(Dataset entries)
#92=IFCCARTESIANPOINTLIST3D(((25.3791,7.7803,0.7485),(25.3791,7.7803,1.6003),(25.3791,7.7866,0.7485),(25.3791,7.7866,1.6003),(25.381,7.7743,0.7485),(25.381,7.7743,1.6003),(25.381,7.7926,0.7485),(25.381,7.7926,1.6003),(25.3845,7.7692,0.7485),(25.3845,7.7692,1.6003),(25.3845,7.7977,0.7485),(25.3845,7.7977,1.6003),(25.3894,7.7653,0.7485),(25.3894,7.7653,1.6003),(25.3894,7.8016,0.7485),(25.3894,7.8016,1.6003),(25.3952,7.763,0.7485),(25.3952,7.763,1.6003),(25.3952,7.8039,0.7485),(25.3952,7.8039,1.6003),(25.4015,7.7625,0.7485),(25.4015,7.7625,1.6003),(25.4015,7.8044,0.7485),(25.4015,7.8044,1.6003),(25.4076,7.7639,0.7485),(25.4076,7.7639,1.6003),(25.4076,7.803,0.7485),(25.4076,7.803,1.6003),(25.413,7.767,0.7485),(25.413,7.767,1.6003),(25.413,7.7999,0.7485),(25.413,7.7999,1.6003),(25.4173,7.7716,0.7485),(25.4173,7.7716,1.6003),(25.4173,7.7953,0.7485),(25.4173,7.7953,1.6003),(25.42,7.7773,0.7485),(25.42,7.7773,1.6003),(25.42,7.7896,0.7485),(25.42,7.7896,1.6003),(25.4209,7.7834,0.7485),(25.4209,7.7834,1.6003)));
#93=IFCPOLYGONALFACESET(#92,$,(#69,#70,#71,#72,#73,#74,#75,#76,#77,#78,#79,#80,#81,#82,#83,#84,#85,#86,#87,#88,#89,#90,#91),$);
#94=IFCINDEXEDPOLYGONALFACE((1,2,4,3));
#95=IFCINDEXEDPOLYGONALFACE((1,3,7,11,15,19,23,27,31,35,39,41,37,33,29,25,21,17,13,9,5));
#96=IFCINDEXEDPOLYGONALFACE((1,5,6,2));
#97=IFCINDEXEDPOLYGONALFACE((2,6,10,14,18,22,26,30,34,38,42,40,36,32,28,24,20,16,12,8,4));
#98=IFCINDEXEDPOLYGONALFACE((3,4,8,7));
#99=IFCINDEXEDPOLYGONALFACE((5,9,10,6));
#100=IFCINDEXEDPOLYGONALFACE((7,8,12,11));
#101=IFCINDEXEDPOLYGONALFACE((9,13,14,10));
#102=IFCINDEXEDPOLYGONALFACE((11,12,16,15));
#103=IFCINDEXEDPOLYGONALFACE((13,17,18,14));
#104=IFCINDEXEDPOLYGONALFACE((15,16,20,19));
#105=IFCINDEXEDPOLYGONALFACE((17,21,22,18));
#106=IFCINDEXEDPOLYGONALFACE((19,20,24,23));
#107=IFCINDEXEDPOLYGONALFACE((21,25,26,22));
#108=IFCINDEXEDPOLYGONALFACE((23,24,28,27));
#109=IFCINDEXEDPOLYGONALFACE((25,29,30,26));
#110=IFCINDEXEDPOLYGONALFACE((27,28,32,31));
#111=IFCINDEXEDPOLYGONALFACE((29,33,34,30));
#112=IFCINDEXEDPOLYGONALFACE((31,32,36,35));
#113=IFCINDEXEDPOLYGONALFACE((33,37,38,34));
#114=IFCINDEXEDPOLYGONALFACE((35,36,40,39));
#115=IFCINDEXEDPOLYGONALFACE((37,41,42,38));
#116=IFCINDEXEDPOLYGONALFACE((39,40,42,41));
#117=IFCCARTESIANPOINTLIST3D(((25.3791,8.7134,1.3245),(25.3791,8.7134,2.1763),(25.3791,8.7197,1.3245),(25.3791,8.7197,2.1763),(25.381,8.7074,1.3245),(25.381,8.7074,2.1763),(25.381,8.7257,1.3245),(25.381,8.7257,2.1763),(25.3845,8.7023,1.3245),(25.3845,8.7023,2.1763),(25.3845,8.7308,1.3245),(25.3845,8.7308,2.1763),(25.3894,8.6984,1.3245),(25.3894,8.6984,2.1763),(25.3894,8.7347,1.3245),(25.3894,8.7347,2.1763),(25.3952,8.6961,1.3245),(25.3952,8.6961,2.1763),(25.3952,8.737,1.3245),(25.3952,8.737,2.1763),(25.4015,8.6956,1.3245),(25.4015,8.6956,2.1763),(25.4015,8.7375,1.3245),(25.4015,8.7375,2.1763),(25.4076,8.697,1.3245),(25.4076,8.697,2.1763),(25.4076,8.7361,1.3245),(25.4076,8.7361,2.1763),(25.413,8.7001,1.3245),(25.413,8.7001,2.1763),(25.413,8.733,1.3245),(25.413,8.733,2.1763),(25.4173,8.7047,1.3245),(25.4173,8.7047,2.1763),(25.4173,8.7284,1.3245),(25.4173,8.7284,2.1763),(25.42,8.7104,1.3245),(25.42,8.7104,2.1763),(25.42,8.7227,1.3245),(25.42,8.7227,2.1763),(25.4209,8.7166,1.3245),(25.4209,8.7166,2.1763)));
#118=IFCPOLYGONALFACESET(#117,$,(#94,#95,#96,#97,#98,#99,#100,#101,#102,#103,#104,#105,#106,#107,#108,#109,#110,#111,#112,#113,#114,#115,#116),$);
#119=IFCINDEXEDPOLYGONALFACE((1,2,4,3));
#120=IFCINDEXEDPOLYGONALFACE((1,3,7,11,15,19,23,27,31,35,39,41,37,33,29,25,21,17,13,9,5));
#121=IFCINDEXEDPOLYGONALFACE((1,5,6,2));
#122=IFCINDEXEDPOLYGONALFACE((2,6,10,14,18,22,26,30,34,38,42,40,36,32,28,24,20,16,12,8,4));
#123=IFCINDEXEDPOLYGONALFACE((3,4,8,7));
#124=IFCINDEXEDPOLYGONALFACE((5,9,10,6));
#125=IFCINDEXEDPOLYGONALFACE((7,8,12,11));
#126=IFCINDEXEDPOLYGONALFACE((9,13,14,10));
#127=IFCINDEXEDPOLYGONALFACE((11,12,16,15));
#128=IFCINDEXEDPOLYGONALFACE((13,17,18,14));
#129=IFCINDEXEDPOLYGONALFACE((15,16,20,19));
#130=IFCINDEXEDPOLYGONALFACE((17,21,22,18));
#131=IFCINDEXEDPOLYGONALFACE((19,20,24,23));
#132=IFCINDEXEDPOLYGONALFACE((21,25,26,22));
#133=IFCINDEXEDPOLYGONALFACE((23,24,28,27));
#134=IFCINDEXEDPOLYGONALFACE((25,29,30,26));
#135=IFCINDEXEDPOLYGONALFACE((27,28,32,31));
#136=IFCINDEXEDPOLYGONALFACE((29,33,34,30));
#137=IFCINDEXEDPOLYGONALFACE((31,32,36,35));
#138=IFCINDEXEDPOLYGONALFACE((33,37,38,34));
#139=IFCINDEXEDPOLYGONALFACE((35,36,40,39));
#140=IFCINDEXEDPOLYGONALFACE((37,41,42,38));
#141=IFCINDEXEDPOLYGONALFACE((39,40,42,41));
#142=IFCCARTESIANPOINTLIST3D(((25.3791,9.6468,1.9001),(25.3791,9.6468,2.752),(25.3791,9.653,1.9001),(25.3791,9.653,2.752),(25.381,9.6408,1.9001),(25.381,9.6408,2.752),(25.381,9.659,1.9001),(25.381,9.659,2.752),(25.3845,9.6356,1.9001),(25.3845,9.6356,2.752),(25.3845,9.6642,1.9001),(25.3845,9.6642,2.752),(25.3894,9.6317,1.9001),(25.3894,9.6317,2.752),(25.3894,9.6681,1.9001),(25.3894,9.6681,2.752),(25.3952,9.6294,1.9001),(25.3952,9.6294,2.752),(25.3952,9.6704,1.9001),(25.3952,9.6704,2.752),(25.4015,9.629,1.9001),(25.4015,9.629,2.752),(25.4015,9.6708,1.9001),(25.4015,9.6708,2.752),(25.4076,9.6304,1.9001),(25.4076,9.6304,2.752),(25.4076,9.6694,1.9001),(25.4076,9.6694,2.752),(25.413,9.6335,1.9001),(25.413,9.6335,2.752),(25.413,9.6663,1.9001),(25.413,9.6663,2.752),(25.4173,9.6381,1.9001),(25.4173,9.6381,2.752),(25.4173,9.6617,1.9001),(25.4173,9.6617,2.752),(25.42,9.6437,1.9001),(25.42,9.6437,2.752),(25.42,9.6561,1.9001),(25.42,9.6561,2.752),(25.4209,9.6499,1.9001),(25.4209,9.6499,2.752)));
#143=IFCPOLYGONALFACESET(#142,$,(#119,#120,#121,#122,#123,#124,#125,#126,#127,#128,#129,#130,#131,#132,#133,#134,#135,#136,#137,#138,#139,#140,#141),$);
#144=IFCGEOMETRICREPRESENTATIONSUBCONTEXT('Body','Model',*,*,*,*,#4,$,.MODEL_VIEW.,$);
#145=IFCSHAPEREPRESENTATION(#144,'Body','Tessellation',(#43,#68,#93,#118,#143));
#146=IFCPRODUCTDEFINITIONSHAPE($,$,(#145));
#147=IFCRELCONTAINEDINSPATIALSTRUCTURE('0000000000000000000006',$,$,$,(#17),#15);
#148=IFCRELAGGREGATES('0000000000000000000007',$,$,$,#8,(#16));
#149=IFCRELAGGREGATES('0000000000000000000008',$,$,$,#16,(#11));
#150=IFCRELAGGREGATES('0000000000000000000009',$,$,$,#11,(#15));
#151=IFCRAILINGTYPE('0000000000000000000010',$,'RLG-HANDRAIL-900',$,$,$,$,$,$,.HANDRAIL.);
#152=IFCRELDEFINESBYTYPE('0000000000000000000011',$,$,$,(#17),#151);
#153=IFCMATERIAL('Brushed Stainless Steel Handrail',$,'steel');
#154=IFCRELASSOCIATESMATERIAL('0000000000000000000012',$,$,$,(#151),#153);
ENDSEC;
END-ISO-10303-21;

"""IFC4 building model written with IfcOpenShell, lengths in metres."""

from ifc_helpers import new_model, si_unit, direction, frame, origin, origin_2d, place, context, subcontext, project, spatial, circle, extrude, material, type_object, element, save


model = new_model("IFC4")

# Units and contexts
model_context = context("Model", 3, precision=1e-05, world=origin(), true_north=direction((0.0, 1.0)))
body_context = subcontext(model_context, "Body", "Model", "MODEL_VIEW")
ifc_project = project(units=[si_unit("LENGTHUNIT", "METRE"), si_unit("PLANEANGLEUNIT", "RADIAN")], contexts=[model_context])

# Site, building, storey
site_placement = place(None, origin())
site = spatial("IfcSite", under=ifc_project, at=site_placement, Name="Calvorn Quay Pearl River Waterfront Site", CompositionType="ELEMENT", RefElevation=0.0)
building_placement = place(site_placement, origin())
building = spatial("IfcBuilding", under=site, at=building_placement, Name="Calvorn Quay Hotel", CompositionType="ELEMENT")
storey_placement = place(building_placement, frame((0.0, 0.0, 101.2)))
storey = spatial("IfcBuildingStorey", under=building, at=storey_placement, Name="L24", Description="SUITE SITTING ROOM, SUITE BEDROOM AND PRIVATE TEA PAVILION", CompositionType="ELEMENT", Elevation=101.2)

PROMPT
Look above for the line that contains "#132=IFCINDEXEDPOLYGONALFACE((21,25,26,22));". Starting there, transcribe every line exactly until you have copied the line that contains "#141=IFCINDEXEDPOLYGONALFACE((39,40,42,41));".

SOLUTION
#132=IFCINDEXEDPOLYGONALFACE((21,25,26,22));
#133=IFCINDEXEDPOLYGONALFACE((23,24,28,27));
#134=IFCINDEXEDPOLYGONALFACE((25,29,30,26));
#135=IFCINDEXEDPOLYGONALFACE((27,28,32,31));
#136=IFCINDEXEDPOLYGONALFACE((29,33,34,30));
#137=IFCINDEXEDPOLYGONALFACE((31,32,36,35));
#138=IFCINDEXEDPOLYGONALFACE((33,37,38,34));
#139=IFCINDEXEDPOLYGONALFACE((35,36,40,39));
#140=IFCINDEXEDPOLYGONALFACE((37,41,42,38));
#141=IFCINDEXEDPOLYGONALFACE((39,40,42,41));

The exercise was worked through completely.